(Stored items)
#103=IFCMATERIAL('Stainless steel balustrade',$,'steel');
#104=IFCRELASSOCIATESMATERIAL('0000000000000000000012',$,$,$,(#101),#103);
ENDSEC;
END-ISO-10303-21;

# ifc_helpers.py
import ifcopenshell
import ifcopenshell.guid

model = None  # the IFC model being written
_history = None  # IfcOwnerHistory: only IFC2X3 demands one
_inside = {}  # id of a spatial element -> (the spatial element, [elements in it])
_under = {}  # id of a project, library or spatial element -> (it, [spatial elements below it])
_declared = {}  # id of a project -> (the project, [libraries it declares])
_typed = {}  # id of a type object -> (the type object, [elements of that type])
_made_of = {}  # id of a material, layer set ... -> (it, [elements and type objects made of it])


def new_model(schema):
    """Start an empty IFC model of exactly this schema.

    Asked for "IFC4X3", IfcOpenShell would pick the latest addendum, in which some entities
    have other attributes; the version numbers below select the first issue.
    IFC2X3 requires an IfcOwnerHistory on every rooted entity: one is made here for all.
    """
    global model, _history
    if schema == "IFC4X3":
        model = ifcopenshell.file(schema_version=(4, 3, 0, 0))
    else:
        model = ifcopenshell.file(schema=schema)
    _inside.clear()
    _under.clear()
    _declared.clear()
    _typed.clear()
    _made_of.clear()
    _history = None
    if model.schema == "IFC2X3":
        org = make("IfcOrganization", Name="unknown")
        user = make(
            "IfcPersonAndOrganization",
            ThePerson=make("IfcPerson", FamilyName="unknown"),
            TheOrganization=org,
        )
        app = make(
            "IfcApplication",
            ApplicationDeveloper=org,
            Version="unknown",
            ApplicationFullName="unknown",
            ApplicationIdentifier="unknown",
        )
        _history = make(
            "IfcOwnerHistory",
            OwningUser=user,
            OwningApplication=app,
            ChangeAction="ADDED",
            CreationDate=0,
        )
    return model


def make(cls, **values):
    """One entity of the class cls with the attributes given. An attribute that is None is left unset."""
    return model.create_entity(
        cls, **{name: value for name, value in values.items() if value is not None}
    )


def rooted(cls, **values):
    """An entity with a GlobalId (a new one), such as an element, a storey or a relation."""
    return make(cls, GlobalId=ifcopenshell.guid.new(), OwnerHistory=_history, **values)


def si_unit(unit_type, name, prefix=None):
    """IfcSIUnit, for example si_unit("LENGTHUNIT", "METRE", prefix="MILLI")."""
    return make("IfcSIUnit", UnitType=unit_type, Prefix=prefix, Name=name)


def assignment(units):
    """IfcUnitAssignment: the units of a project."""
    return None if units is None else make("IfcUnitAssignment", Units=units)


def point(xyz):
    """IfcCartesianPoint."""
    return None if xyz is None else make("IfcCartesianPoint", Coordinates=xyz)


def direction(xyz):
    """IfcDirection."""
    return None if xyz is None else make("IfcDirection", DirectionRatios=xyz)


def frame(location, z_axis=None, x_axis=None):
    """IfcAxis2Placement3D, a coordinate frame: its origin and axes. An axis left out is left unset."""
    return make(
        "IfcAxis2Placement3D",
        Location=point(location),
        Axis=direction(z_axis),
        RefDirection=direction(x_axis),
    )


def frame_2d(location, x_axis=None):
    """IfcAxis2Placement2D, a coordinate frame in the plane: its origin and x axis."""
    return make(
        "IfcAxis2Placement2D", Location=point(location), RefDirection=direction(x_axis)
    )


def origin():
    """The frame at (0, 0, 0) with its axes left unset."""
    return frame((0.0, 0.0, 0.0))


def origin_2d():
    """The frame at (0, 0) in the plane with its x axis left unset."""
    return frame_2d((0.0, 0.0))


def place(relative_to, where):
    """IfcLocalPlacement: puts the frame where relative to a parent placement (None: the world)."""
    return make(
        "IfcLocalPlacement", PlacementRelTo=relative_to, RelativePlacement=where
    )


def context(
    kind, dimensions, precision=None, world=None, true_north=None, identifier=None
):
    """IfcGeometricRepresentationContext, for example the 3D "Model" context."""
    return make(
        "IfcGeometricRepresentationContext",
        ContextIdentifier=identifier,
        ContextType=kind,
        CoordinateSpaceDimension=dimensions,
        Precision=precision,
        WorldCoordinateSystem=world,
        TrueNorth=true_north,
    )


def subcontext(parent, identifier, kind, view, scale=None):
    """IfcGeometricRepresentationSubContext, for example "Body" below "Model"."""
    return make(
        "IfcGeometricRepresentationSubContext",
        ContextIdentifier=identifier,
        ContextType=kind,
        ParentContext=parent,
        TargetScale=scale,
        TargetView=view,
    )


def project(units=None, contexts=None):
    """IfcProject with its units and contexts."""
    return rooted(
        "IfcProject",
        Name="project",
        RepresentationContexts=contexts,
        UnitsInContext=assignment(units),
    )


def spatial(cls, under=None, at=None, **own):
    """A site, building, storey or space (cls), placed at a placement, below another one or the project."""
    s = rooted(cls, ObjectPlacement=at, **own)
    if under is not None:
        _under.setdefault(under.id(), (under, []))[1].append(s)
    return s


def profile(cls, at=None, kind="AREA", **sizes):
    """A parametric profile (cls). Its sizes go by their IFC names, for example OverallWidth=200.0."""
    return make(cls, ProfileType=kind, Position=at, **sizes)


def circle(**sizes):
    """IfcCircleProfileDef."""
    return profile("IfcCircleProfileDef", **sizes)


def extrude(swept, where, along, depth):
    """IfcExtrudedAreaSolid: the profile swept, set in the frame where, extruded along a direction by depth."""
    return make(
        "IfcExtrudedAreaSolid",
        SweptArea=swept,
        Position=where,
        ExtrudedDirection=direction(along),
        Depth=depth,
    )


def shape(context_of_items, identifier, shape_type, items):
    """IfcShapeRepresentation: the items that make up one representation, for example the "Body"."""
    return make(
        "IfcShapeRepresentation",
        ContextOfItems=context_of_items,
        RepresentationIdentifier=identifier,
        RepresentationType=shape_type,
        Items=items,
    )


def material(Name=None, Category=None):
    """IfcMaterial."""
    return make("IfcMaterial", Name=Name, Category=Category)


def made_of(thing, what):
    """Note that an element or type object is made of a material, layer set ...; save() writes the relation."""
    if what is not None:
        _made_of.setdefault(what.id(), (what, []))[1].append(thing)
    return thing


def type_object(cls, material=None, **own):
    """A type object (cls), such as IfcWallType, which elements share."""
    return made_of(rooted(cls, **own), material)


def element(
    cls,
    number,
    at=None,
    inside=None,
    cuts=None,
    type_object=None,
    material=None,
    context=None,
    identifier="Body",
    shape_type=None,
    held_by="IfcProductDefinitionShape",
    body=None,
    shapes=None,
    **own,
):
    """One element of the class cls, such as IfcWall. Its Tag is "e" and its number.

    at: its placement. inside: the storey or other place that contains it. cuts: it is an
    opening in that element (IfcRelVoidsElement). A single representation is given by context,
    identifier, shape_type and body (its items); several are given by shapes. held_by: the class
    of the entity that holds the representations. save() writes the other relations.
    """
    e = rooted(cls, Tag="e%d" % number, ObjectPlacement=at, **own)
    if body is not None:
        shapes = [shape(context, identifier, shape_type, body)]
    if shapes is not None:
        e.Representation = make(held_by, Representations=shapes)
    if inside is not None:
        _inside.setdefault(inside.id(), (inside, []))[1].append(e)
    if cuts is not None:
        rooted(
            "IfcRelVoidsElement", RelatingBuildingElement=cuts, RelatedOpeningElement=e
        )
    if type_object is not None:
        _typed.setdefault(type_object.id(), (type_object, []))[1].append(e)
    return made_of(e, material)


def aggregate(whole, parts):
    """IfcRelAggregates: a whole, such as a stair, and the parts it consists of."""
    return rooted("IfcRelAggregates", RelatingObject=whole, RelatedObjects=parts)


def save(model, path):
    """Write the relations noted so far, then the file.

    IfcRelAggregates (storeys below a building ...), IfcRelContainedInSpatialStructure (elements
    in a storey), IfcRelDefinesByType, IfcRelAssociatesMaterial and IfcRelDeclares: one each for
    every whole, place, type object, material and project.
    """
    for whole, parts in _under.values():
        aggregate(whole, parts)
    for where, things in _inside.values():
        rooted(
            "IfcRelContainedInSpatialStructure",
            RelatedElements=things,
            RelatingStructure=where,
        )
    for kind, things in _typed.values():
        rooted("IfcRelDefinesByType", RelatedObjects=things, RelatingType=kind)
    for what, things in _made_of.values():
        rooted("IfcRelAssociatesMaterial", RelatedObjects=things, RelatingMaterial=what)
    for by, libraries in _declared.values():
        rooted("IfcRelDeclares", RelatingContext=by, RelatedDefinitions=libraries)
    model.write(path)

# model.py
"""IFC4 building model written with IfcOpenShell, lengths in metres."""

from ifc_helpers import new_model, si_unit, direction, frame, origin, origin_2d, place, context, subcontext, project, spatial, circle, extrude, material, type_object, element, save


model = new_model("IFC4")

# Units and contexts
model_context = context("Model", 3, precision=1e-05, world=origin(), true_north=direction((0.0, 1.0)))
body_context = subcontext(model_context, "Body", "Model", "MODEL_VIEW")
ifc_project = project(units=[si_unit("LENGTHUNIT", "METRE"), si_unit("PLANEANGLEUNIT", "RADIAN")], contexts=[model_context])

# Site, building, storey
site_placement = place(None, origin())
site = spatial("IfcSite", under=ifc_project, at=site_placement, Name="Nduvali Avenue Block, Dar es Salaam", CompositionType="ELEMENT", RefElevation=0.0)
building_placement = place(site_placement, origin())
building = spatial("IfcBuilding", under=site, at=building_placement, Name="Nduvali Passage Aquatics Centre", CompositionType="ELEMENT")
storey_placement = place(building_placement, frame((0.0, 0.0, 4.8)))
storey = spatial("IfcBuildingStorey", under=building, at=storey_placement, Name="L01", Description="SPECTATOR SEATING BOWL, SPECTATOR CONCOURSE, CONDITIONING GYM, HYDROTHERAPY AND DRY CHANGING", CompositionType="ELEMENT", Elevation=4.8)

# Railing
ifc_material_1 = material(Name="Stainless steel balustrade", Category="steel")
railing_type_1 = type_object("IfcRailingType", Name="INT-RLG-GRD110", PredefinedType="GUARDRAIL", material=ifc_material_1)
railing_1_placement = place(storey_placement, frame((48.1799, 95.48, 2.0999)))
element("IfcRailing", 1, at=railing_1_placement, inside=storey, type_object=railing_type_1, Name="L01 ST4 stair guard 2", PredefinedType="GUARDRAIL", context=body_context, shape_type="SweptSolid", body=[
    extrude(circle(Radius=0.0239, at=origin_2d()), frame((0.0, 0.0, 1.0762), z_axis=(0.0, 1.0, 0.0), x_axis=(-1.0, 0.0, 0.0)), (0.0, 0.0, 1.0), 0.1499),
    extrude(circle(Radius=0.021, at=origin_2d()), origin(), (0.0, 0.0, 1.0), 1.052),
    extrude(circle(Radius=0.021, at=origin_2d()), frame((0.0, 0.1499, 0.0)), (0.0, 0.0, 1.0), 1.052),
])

==

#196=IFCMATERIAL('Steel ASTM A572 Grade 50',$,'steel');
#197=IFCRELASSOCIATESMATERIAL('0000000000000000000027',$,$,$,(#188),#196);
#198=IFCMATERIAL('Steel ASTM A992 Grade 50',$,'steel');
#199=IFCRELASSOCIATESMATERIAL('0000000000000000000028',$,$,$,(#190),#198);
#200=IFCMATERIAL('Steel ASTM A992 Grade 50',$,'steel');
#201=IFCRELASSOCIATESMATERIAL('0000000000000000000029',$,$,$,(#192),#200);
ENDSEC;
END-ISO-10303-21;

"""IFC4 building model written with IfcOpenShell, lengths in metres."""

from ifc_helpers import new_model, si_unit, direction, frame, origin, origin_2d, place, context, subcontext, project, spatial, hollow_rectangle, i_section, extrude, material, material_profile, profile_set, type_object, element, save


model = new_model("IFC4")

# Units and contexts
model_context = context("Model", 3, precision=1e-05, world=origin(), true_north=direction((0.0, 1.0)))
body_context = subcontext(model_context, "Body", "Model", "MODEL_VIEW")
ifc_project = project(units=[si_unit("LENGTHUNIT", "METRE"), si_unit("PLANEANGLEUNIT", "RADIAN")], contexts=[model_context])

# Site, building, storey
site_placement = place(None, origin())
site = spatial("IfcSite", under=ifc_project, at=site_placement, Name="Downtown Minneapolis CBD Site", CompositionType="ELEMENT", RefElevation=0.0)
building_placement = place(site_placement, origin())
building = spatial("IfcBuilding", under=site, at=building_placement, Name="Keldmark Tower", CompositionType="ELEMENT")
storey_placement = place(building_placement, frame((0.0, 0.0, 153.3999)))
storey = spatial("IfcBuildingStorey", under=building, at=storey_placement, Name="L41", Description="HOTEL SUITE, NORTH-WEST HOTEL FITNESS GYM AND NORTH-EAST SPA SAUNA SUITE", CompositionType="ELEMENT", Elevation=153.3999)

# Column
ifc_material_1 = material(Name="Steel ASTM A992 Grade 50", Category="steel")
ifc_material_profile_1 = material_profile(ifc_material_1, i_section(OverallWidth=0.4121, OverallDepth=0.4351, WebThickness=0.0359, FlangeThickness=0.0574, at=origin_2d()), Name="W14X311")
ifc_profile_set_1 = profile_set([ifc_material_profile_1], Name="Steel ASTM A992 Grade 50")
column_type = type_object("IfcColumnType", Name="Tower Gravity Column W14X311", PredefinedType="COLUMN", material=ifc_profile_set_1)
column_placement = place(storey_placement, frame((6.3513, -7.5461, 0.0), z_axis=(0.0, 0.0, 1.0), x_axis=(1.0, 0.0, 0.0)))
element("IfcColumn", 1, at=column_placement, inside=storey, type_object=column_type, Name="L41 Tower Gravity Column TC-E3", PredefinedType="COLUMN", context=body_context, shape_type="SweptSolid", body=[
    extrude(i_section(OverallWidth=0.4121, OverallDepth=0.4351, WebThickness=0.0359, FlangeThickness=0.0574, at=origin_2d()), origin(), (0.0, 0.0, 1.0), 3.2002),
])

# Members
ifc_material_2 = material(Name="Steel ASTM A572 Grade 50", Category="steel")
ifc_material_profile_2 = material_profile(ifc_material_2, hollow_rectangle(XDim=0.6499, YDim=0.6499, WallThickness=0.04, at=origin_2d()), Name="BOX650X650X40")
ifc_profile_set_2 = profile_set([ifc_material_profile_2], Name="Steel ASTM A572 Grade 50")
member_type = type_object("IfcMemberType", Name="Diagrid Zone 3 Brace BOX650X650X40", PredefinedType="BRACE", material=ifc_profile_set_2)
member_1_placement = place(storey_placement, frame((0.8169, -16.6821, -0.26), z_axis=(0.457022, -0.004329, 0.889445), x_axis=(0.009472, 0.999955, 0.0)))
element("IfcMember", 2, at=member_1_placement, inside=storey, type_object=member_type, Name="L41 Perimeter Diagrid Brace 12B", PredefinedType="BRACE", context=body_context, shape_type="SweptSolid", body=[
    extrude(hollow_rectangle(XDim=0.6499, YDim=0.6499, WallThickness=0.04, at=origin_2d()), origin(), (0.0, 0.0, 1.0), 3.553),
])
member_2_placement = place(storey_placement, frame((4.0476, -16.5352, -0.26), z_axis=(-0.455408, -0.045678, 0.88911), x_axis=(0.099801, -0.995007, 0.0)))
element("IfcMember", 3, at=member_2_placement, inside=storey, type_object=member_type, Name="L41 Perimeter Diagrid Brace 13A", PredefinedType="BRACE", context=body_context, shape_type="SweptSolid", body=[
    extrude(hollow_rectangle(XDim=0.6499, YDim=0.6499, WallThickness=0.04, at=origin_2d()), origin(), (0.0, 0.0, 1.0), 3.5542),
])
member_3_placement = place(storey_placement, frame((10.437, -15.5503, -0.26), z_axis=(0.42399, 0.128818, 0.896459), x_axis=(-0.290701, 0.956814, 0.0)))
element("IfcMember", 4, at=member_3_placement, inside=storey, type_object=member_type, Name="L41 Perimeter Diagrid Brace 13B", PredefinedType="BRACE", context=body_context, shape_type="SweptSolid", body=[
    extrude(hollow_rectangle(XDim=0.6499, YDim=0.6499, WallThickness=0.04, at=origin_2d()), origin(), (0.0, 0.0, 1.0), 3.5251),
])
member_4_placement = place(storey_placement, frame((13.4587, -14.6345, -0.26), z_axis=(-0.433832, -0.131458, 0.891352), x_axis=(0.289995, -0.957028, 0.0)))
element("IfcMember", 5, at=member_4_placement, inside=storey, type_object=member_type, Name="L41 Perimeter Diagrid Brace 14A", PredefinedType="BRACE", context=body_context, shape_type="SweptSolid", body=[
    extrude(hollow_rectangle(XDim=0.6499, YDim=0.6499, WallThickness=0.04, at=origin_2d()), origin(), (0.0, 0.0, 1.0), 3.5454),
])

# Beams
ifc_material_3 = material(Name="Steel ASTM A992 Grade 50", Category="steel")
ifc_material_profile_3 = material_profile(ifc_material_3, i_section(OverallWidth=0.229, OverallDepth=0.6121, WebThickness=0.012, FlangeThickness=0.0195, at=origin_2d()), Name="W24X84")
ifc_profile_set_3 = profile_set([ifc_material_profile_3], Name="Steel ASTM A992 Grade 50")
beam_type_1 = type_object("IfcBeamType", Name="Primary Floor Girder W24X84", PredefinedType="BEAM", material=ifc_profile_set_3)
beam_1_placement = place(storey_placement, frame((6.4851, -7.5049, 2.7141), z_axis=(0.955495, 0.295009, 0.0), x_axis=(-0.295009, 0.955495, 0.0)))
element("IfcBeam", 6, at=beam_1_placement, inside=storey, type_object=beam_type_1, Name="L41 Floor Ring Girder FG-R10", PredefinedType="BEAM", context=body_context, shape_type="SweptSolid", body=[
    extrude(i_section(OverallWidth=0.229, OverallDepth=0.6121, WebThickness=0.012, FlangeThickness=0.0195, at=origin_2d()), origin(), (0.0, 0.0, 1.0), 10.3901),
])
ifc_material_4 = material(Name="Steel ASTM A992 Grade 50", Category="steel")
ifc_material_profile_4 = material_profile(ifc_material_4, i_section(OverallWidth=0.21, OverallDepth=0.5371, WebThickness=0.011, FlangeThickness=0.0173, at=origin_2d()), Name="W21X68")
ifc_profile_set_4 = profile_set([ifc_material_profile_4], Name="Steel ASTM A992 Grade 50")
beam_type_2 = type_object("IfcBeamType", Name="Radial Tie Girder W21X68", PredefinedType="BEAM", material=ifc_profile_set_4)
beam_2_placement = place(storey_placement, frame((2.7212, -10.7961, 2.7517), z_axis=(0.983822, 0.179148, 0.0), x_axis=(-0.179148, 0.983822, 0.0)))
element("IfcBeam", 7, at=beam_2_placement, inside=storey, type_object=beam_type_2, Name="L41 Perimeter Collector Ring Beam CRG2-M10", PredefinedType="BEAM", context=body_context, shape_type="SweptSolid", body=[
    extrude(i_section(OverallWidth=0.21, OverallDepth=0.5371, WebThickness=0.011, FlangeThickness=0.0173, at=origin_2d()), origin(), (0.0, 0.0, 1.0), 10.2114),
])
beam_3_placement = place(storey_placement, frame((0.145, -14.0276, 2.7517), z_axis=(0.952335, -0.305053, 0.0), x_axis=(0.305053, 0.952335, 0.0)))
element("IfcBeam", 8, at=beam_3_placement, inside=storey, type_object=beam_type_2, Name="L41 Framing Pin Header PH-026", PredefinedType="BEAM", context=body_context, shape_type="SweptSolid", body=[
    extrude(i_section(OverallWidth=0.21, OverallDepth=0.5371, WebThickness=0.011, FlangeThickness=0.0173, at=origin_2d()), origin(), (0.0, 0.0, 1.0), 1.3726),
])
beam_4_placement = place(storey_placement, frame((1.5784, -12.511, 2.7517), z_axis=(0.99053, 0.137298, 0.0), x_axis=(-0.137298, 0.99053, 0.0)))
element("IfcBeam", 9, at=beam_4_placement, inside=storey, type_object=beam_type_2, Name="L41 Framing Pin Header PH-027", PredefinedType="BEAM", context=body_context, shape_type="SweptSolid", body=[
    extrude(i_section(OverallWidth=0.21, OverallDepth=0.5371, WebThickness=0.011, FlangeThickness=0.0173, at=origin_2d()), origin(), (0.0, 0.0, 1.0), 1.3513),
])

» WORK ORDER:
Look through the data above and return exactly the lines from the one that contains "#103=IFCMATERIAL('Stainless steel balustrade',$,'steel');" to the one that contains "import ifcopenshell.guid", inclusive, with nothing else.

» RESULT FOR THIS EXERCISE:
#103=IFCMATERIAL('Stainless steel balustrade',$,'steel');
#104=IFCRELASSOCIATESMATERIAL('0000000000000000000012',$,$,$,(#101),#103);
ENDSEC;
END-ISO-10303-21;

# ifc_helpers.py
import ifcopenshell
import ifcopenshell.guid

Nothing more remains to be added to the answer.